- [YOUR INSTRUCTIONS]:
Wherever a line in the data holds the word "PLANT", pull that line out.

- [DATASET EXCERPTS]:
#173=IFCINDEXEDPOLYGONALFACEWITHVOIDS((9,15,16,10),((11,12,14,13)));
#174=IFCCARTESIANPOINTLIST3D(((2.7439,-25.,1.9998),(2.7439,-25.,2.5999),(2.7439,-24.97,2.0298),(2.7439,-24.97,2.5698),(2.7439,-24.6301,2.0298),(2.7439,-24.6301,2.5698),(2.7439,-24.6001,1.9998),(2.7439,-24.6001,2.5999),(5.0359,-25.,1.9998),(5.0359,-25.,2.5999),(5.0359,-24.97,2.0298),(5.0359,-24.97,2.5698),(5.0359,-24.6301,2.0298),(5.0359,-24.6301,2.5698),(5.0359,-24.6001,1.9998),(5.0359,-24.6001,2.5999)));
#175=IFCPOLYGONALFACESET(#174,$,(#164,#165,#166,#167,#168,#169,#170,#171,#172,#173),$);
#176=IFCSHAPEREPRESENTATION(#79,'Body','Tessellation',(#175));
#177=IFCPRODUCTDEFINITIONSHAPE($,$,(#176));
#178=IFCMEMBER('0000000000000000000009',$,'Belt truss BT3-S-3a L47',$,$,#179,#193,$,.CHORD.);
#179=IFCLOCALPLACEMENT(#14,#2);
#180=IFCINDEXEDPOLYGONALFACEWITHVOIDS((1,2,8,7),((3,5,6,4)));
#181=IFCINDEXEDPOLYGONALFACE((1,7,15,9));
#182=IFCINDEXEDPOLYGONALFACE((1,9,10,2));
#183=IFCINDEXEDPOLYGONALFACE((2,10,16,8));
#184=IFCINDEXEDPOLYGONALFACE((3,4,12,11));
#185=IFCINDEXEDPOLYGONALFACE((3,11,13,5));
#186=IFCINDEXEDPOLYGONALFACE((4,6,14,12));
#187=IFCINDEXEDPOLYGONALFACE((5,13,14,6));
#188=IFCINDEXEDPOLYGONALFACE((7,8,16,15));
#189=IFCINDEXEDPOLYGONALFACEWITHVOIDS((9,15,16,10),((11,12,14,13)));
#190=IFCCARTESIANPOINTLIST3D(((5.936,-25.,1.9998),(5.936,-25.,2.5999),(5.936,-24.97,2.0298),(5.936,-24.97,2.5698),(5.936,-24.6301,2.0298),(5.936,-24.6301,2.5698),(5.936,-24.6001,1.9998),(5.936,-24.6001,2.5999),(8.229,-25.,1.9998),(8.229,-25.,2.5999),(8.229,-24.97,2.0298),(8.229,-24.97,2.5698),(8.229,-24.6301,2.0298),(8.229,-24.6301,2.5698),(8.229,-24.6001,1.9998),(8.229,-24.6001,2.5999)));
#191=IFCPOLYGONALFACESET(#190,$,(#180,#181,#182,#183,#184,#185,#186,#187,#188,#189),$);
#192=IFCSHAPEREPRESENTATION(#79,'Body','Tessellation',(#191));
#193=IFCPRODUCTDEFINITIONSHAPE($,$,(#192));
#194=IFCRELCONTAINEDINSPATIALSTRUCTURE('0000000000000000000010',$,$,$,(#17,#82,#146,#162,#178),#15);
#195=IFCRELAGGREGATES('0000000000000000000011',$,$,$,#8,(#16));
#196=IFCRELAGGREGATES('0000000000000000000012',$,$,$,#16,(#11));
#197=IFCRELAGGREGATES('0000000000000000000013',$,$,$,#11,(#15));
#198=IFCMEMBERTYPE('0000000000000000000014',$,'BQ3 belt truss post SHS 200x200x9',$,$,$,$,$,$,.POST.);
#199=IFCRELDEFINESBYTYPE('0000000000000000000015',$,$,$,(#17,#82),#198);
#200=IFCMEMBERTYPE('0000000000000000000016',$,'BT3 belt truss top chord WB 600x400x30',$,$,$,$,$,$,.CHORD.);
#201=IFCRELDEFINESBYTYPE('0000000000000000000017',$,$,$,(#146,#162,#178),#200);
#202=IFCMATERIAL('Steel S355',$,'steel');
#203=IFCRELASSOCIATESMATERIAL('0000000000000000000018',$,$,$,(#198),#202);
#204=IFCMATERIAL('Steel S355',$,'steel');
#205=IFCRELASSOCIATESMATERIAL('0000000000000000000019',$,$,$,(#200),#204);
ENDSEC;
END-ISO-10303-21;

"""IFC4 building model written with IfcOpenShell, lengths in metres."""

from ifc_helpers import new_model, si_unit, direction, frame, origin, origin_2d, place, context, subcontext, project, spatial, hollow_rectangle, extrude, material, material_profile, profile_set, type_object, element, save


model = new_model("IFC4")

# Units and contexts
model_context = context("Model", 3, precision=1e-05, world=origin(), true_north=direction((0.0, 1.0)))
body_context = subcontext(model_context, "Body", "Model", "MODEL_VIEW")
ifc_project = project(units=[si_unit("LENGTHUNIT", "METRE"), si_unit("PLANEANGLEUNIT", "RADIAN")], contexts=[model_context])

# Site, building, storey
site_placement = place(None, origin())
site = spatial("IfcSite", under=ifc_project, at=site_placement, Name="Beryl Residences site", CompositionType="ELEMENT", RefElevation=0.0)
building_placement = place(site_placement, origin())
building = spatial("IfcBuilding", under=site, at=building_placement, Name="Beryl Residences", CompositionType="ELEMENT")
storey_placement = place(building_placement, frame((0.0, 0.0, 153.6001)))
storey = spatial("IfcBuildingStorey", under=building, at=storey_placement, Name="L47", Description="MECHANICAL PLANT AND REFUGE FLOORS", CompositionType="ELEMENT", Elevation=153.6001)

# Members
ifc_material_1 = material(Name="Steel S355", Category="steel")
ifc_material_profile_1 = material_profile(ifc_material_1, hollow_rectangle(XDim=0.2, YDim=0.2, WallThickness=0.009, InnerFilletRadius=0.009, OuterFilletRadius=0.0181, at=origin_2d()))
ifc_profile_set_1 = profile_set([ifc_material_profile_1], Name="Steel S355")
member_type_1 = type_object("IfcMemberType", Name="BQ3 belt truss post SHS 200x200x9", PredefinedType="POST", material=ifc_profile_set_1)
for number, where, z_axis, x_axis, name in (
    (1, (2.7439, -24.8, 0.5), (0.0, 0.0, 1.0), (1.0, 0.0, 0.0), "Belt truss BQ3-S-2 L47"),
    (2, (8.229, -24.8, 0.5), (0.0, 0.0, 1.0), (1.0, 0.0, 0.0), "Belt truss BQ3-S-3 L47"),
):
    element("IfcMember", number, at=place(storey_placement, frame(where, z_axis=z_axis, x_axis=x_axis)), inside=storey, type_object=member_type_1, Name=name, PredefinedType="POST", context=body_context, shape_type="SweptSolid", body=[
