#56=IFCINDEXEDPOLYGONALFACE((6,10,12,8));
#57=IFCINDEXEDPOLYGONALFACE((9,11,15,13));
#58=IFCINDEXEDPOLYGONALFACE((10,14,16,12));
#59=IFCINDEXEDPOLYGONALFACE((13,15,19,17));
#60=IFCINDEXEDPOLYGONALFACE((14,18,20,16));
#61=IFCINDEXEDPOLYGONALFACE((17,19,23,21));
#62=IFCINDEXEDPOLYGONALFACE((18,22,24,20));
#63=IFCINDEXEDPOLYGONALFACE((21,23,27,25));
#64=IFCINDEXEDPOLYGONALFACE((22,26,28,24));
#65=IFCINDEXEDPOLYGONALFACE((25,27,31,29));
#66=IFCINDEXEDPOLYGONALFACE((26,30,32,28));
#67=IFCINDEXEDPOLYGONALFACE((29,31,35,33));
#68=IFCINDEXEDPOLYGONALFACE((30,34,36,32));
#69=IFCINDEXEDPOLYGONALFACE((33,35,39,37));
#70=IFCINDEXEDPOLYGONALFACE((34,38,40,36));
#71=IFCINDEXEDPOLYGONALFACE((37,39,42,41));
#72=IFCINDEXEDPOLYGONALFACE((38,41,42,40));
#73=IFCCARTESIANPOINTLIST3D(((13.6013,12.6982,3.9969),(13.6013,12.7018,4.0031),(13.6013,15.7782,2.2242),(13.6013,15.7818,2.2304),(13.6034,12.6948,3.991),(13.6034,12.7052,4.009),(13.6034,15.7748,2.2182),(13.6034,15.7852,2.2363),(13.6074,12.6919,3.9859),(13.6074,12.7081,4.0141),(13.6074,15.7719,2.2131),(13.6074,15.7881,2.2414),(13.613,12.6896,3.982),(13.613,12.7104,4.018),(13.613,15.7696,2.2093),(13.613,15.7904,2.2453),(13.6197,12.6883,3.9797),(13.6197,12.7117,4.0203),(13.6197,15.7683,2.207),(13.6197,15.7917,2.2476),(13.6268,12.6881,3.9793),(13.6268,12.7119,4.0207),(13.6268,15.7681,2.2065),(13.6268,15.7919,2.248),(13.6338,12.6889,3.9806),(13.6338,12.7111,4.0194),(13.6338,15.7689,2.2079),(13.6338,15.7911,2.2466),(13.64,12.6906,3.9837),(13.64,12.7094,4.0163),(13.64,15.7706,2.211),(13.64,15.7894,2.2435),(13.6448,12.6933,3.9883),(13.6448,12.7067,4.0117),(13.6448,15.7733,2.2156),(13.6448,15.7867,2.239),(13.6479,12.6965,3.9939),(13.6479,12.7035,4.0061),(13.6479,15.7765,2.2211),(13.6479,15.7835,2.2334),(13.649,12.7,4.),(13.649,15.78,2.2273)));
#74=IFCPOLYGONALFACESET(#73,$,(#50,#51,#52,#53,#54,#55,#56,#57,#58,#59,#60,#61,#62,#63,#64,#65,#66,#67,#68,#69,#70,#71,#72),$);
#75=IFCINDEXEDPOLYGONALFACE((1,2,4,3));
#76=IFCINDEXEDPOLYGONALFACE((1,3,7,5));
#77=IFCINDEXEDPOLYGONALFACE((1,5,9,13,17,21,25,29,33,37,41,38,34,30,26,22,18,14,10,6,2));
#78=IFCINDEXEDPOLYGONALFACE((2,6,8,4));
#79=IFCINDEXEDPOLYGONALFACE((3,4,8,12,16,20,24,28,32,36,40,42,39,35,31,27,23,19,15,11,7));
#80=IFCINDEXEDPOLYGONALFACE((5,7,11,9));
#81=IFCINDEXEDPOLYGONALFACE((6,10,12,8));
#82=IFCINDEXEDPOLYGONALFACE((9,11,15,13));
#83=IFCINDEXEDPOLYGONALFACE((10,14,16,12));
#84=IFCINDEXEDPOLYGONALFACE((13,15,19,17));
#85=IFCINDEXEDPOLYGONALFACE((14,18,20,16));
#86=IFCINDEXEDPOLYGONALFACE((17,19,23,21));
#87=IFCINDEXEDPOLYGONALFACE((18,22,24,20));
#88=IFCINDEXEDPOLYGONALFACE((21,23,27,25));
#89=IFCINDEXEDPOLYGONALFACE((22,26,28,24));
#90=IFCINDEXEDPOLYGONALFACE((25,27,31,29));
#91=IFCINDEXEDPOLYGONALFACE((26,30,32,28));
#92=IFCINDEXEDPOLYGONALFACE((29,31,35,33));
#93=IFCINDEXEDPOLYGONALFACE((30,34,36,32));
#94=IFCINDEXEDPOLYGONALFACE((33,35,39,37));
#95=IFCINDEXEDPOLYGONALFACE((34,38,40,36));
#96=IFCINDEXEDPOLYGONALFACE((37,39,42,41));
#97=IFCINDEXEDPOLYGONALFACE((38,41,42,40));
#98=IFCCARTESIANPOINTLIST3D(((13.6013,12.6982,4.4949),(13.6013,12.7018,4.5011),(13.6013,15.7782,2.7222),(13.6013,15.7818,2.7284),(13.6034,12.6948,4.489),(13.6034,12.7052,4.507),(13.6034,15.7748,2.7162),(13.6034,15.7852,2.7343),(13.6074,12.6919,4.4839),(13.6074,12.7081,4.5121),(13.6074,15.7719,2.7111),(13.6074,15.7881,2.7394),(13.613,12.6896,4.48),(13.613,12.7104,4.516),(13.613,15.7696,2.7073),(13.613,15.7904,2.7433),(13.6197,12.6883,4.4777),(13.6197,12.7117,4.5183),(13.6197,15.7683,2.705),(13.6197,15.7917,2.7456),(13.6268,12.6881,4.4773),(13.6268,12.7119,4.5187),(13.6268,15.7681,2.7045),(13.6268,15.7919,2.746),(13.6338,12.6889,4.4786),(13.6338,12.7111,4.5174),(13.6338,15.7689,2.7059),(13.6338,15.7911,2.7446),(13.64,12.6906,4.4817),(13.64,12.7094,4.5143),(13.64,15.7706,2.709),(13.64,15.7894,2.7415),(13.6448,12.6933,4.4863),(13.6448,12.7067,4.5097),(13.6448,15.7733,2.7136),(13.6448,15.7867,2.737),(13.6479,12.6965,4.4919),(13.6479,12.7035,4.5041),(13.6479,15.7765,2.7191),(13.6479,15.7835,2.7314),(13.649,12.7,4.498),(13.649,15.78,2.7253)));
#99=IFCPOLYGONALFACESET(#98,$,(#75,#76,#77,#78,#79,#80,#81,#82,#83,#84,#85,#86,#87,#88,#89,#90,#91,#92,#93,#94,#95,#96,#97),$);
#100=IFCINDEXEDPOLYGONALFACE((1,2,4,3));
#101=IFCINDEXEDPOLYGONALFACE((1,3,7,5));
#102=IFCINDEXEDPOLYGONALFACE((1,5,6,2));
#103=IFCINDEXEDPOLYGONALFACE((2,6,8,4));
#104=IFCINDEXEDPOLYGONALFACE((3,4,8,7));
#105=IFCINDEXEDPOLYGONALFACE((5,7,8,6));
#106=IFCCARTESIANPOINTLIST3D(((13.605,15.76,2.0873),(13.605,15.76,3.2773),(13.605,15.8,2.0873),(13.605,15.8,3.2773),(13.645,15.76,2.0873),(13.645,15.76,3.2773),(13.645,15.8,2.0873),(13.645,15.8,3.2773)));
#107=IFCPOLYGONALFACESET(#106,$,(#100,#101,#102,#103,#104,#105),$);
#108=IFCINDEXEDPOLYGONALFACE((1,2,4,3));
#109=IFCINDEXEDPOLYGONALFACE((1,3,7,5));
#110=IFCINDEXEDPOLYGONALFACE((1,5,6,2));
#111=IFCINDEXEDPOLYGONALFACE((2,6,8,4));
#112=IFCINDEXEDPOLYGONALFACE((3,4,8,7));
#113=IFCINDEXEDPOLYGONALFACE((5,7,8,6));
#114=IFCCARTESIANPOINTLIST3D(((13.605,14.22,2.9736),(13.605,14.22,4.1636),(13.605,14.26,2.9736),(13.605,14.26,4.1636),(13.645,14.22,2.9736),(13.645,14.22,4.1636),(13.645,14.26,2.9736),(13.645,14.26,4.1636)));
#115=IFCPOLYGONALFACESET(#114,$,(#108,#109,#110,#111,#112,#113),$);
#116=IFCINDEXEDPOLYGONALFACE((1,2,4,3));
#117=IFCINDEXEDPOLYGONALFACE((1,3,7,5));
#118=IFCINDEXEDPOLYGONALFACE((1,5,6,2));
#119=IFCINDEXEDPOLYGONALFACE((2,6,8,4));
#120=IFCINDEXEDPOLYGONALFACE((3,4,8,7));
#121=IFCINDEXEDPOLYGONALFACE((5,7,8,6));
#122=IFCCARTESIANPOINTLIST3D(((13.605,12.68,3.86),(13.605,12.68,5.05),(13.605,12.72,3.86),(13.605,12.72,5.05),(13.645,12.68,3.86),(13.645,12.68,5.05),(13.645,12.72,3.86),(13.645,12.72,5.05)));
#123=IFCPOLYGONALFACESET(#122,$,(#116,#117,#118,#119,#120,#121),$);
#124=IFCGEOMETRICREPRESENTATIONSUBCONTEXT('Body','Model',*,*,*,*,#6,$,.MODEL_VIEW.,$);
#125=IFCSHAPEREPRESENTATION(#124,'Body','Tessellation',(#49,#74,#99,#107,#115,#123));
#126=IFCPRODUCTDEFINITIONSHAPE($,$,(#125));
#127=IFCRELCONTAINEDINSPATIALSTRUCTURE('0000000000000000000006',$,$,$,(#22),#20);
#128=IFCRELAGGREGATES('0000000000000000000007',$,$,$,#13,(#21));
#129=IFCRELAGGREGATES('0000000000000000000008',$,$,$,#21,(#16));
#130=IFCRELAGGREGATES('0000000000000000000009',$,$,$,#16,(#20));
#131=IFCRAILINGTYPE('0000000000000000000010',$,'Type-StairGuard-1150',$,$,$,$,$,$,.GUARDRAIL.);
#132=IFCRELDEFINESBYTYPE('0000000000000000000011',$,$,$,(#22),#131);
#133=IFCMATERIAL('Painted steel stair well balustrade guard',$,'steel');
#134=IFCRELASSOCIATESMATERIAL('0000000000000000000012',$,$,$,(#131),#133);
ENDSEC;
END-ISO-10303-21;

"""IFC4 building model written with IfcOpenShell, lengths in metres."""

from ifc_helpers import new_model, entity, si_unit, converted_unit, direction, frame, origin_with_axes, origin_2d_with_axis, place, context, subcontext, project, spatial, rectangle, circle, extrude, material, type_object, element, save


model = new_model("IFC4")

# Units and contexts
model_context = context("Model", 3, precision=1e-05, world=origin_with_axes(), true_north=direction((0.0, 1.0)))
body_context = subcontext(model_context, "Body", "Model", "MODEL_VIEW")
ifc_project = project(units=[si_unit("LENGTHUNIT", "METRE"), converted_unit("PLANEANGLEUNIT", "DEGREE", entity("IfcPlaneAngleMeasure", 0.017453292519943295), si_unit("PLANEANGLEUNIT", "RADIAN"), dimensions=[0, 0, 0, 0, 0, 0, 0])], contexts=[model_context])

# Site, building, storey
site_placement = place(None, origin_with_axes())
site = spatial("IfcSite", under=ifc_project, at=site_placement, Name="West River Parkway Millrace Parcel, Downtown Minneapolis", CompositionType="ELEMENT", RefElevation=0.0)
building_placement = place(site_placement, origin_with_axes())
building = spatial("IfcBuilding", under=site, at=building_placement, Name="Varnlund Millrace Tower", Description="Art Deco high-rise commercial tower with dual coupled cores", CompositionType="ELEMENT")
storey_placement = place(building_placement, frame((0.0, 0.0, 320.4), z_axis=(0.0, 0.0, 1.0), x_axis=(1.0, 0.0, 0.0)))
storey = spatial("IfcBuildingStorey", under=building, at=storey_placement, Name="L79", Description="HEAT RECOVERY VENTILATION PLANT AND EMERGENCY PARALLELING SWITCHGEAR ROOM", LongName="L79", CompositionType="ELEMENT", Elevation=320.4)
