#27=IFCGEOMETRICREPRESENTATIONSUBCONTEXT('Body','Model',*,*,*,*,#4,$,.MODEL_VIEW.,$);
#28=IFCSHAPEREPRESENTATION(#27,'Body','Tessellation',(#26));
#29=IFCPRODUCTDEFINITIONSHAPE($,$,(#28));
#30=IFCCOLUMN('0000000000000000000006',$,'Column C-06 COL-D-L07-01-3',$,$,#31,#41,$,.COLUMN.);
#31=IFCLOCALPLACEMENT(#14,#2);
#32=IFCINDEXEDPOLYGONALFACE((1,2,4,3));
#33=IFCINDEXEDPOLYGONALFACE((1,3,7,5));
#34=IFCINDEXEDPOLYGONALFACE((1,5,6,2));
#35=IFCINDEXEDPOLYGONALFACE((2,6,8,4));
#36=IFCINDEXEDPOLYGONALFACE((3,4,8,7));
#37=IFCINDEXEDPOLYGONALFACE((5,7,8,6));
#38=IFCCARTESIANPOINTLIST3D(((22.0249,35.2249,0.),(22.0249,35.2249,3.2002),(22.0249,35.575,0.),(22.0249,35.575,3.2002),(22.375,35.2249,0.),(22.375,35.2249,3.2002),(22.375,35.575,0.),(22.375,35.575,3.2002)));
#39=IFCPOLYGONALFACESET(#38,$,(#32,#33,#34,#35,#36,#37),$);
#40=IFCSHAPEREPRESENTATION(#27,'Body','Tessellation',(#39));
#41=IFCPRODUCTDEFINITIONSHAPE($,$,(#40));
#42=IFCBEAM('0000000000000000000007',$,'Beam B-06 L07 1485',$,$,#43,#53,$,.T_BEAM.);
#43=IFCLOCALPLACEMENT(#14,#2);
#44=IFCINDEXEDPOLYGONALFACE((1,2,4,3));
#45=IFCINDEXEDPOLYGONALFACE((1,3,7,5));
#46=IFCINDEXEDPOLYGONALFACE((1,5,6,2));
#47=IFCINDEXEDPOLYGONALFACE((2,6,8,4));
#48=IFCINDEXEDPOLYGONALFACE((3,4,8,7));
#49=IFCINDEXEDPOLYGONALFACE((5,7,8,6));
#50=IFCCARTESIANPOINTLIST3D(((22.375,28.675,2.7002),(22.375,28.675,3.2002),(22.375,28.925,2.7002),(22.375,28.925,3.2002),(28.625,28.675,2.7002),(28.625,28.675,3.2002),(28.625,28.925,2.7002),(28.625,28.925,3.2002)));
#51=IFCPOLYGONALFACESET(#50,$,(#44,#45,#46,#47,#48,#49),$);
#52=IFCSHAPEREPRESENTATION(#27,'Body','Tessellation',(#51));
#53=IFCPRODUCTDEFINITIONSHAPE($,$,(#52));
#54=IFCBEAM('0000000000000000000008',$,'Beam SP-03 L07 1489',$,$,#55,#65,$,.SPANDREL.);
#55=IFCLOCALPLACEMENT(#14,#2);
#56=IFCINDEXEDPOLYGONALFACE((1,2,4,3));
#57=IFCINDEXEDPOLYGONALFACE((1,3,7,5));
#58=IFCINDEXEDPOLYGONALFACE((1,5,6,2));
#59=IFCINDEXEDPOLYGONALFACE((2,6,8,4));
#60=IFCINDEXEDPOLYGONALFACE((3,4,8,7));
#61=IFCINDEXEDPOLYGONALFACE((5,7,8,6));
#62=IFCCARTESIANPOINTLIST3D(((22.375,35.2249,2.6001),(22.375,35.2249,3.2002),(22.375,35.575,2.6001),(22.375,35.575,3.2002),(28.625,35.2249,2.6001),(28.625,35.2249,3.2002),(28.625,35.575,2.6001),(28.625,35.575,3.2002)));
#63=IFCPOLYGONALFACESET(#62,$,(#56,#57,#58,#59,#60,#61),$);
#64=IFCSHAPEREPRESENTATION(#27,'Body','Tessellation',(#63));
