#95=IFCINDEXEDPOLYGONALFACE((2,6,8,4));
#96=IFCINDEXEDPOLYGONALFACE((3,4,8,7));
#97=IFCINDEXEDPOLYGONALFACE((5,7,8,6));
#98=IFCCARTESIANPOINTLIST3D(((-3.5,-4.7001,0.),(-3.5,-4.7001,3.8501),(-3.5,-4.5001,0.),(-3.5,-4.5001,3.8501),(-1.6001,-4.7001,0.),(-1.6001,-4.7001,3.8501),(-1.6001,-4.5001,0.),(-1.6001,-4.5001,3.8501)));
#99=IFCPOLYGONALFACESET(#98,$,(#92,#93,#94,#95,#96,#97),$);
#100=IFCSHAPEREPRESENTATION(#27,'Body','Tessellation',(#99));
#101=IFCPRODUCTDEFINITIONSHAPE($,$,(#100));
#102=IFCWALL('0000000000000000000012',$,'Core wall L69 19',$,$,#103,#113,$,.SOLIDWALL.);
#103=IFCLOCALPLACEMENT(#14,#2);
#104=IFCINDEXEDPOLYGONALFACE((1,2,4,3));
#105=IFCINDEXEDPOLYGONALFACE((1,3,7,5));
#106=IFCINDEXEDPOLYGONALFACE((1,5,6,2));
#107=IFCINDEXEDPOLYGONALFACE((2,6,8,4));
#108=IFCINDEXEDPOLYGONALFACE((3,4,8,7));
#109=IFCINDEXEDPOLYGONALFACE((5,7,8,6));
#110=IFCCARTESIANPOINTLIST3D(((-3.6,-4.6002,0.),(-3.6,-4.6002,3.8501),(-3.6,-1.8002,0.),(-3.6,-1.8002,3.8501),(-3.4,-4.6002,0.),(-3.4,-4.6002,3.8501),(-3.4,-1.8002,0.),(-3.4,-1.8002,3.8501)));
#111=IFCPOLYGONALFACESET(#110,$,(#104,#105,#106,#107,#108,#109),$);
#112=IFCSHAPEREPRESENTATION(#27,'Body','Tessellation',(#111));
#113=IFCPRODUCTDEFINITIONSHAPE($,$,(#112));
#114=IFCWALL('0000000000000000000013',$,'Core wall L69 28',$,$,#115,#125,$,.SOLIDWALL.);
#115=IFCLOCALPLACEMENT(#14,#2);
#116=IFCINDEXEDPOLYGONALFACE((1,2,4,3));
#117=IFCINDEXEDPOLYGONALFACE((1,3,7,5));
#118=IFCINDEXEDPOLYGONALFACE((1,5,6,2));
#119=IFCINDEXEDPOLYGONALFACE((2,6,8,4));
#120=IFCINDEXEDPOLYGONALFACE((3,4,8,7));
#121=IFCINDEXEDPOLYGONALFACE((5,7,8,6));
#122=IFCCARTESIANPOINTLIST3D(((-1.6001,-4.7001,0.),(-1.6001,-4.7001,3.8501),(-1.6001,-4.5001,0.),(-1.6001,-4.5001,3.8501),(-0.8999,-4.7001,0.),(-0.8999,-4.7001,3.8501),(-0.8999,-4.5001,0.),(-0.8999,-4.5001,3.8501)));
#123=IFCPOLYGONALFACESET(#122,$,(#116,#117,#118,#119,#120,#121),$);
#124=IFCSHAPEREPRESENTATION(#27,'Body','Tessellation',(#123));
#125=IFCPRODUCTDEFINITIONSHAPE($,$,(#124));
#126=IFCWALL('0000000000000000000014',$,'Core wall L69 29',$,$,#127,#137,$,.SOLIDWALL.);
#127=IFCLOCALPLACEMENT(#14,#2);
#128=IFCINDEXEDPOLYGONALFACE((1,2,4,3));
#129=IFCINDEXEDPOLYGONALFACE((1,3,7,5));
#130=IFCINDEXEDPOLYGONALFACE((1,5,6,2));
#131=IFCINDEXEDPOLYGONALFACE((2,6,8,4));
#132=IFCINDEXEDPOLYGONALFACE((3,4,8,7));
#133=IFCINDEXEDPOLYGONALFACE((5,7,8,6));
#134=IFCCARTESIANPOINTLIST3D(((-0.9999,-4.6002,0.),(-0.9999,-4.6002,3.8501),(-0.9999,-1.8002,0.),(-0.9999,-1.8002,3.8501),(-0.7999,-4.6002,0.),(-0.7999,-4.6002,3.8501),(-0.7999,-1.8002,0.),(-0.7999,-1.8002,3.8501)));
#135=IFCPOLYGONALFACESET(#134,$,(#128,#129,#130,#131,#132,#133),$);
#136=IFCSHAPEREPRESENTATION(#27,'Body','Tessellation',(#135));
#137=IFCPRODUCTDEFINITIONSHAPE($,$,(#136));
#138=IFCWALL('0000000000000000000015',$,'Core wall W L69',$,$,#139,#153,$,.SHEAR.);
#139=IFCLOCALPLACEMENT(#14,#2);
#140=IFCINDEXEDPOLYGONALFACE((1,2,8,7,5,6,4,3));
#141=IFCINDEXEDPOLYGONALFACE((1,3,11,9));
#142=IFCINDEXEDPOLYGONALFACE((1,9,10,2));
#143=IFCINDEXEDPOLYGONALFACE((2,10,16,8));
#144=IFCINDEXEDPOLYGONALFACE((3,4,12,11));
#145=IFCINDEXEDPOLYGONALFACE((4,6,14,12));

- [TASK RESULT]:
storey = spatial("IfcBuildingStorey", under=building, at=storey_placement, Name="L47", Description="MECHANICAL PLANT AND REFUGE FLOORS", CompositionType="ELEMENT", Elevation=153.6001)
storey = spatial("IfcBuildingStorey", under=building, at=storey_placement, Name="L79", Description="HEAT RECOVERY VENTILATION PLANT AND EMERGENCY PARALLELING SWITCHGEAR ROOM", LongName="L79", CompositionType="ELEMENT", Elevation=320.4)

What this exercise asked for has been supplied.